> _Work instructions_:
Count the lines in the records that hold the string "left". Only the number should be given.
─── Source information
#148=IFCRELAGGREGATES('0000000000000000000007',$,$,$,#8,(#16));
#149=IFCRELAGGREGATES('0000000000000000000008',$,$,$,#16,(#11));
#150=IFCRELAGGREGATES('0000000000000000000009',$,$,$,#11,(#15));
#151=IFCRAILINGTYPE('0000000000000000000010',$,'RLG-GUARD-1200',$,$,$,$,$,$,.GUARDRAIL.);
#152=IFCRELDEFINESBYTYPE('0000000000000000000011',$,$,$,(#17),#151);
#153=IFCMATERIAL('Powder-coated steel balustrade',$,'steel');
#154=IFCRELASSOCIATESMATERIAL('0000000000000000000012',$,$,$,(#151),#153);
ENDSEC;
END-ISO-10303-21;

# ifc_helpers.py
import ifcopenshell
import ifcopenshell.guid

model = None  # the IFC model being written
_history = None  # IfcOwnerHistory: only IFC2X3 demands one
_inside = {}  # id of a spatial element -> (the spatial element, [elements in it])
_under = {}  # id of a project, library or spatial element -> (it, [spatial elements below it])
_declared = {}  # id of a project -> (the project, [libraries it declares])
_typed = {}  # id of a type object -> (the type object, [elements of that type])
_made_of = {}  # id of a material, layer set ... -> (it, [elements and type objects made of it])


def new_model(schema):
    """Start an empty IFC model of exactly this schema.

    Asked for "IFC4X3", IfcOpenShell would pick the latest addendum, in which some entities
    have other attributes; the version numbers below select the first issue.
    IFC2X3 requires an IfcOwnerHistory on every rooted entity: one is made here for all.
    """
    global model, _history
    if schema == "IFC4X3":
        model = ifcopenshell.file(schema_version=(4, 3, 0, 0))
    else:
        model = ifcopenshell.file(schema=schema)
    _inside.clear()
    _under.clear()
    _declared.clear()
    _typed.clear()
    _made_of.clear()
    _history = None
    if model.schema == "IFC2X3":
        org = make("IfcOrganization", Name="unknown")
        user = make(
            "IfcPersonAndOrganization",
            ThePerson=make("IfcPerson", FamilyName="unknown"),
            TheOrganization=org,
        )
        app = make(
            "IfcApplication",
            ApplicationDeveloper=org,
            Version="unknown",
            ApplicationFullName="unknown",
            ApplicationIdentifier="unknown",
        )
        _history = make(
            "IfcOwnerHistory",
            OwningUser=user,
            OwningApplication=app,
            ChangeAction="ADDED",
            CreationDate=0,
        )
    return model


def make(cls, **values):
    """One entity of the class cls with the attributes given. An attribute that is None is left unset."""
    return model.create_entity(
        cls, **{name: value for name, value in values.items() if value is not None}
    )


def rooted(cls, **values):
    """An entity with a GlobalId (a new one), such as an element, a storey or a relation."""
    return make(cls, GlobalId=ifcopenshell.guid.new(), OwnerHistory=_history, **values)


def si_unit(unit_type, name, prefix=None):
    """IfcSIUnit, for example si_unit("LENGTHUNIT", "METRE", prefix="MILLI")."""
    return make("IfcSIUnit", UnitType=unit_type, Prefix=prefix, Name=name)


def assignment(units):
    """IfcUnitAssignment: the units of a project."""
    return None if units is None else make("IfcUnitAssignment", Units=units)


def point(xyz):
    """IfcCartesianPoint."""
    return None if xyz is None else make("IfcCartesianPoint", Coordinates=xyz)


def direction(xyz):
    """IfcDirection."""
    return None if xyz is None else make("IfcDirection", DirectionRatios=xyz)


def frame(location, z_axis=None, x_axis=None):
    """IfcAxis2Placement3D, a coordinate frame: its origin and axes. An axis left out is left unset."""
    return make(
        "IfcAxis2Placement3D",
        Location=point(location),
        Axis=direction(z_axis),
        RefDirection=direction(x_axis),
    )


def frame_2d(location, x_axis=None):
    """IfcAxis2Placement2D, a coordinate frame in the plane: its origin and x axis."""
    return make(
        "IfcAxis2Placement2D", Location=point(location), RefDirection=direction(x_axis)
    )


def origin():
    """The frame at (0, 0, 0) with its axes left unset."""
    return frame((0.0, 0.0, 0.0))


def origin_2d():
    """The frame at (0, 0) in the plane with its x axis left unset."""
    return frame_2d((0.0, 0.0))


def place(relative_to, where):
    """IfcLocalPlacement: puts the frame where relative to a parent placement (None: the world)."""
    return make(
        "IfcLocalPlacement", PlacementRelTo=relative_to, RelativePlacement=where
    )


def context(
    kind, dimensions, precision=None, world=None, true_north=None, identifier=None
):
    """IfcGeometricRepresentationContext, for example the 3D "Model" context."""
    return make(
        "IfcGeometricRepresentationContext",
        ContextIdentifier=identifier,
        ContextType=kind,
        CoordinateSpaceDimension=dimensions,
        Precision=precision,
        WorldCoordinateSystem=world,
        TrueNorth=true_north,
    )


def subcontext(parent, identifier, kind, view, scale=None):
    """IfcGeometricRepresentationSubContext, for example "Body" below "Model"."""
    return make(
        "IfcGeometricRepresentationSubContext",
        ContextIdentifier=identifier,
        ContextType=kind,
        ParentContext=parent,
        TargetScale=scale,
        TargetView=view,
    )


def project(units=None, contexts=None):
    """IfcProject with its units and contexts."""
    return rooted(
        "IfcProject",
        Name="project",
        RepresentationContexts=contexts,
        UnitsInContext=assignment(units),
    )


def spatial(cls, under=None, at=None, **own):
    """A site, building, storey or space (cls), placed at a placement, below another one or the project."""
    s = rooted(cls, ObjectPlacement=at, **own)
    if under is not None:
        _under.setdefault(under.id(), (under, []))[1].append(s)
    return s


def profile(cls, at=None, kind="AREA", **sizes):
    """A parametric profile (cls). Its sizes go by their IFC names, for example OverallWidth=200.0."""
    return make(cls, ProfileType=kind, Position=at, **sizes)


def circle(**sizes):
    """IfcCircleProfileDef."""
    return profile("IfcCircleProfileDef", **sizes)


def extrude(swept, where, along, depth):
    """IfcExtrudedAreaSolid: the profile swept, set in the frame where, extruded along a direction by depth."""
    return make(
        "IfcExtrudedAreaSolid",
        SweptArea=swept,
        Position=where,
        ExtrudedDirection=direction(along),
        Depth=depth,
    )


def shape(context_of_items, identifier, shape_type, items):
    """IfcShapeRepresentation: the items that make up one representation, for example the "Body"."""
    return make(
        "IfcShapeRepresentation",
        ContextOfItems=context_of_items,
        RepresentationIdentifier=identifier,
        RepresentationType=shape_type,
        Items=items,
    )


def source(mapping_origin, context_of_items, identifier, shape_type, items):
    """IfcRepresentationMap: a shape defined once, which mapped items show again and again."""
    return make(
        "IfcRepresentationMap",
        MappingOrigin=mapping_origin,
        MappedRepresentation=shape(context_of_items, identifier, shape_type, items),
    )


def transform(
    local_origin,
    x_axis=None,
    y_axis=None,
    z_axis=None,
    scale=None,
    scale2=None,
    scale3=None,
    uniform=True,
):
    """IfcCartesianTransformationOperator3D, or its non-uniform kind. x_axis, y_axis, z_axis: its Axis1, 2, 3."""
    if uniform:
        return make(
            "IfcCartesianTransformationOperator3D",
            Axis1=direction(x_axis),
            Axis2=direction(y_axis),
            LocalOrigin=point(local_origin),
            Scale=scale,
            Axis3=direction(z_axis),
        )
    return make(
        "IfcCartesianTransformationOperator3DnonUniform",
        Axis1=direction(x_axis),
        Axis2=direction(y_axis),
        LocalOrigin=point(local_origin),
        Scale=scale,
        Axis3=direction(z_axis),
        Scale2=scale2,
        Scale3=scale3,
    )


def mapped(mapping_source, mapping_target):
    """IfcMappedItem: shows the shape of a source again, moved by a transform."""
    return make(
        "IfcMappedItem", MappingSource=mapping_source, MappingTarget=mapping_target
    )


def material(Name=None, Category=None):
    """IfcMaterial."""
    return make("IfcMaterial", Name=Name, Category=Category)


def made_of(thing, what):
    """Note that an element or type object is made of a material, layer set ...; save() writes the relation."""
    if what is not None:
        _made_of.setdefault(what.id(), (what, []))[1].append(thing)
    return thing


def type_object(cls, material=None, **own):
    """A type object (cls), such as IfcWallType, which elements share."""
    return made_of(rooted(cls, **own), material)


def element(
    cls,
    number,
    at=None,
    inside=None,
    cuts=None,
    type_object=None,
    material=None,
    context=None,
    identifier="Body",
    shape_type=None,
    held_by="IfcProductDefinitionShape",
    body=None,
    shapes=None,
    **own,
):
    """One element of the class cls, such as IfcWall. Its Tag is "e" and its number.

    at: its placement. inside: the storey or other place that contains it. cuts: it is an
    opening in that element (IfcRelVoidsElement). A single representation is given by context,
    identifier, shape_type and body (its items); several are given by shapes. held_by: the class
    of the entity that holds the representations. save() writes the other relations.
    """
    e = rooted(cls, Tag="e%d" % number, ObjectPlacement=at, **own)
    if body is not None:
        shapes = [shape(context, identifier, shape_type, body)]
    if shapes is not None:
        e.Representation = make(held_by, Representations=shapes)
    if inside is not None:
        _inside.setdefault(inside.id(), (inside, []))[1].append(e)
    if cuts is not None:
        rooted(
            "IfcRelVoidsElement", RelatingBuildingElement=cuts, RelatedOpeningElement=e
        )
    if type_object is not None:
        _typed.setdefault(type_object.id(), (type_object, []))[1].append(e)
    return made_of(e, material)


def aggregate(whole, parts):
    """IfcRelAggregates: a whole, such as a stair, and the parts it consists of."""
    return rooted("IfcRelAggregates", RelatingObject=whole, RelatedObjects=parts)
──────
─── Source information
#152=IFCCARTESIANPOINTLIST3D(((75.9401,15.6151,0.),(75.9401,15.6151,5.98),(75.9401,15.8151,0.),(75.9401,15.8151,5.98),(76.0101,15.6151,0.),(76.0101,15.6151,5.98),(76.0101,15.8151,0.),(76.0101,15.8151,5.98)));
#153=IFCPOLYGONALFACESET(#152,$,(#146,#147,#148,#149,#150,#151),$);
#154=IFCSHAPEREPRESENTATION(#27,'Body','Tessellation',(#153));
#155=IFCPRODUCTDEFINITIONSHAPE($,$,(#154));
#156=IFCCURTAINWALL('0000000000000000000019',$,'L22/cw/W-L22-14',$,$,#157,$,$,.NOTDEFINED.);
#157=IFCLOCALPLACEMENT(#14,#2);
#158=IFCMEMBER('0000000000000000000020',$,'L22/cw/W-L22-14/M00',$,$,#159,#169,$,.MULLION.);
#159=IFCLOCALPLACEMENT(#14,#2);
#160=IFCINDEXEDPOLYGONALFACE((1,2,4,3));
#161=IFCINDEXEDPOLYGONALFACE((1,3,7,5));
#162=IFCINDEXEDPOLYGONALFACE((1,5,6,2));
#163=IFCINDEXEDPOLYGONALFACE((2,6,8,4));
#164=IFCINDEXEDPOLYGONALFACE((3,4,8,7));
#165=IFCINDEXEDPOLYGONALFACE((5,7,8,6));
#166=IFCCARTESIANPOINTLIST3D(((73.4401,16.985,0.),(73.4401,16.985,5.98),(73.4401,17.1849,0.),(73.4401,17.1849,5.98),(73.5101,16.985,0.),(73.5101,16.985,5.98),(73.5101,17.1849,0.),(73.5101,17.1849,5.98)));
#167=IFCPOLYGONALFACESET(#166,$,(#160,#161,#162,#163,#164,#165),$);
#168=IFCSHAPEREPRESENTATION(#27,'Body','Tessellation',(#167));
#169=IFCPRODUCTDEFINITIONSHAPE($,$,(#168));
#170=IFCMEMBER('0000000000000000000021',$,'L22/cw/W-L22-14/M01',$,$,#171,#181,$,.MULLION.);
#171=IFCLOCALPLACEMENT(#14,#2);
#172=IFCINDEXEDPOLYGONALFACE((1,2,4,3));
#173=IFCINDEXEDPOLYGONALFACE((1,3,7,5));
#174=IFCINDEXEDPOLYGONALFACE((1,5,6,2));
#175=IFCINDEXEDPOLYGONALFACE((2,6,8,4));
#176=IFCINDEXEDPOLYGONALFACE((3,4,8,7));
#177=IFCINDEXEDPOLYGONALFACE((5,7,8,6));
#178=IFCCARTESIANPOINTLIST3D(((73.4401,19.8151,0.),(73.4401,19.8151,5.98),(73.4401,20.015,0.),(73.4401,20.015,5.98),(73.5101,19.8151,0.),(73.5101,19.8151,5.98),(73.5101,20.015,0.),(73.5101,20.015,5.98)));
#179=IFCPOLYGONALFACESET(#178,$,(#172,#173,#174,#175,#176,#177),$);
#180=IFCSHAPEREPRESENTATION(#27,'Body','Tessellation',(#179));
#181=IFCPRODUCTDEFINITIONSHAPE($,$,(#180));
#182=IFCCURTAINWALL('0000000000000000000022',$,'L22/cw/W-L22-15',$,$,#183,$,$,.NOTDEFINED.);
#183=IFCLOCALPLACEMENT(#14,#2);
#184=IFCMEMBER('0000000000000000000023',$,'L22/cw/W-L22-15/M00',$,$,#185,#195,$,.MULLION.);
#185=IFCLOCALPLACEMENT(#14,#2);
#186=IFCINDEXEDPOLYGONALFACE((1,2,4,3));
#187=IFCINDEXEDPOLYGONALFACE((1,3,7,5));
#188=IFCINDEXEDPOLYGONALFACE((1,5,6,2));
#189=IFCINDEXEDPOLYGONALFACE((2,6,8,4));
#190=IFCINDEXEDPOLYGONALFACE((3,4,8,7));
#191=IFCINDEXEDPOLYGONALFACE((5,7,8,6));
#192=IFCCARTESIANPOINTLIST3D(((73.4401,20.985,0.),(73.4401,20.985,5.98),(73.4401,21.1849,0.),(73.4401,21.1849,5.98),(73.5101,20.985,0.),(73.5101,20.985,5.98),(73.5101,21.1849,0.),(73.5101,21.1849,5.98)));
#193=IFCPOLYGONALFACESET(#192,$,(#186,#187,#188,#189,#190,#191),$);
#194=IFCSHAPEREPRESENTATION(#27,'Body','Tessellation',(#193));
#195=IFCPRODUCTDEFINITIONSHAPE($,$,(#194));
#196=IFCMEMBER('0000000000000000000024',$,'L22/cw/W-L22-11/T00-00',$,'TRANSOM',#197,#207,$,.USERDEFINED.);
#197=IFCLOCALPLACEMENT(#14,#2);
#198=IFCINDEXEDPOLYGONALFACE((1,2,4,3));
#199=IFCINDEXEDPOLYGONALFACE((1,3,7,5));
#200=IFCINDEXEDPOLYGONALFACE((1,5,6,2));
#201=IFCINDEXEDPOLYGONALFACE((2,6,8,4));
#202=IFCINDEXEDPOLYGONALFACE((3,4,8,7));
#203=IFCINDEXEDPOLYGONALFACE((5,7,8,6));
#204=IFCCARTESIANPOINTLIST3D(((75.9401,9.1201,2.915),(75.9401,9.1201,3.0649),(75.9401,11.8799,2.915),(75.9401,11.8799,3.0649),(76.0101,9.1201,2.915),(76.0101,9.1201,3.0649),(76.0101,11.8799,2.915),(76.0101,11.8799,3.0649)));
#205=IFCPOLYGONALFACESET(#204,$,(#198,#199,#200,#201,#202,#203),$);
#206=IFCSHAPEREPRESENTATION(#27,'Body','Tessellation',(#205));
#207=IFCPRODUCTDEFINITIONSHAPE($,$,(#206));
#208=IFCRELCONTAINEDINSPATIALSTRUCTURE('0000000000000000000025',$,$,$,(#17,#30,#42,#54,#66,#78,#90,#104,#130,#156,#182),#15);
──────
> _Response below_:
4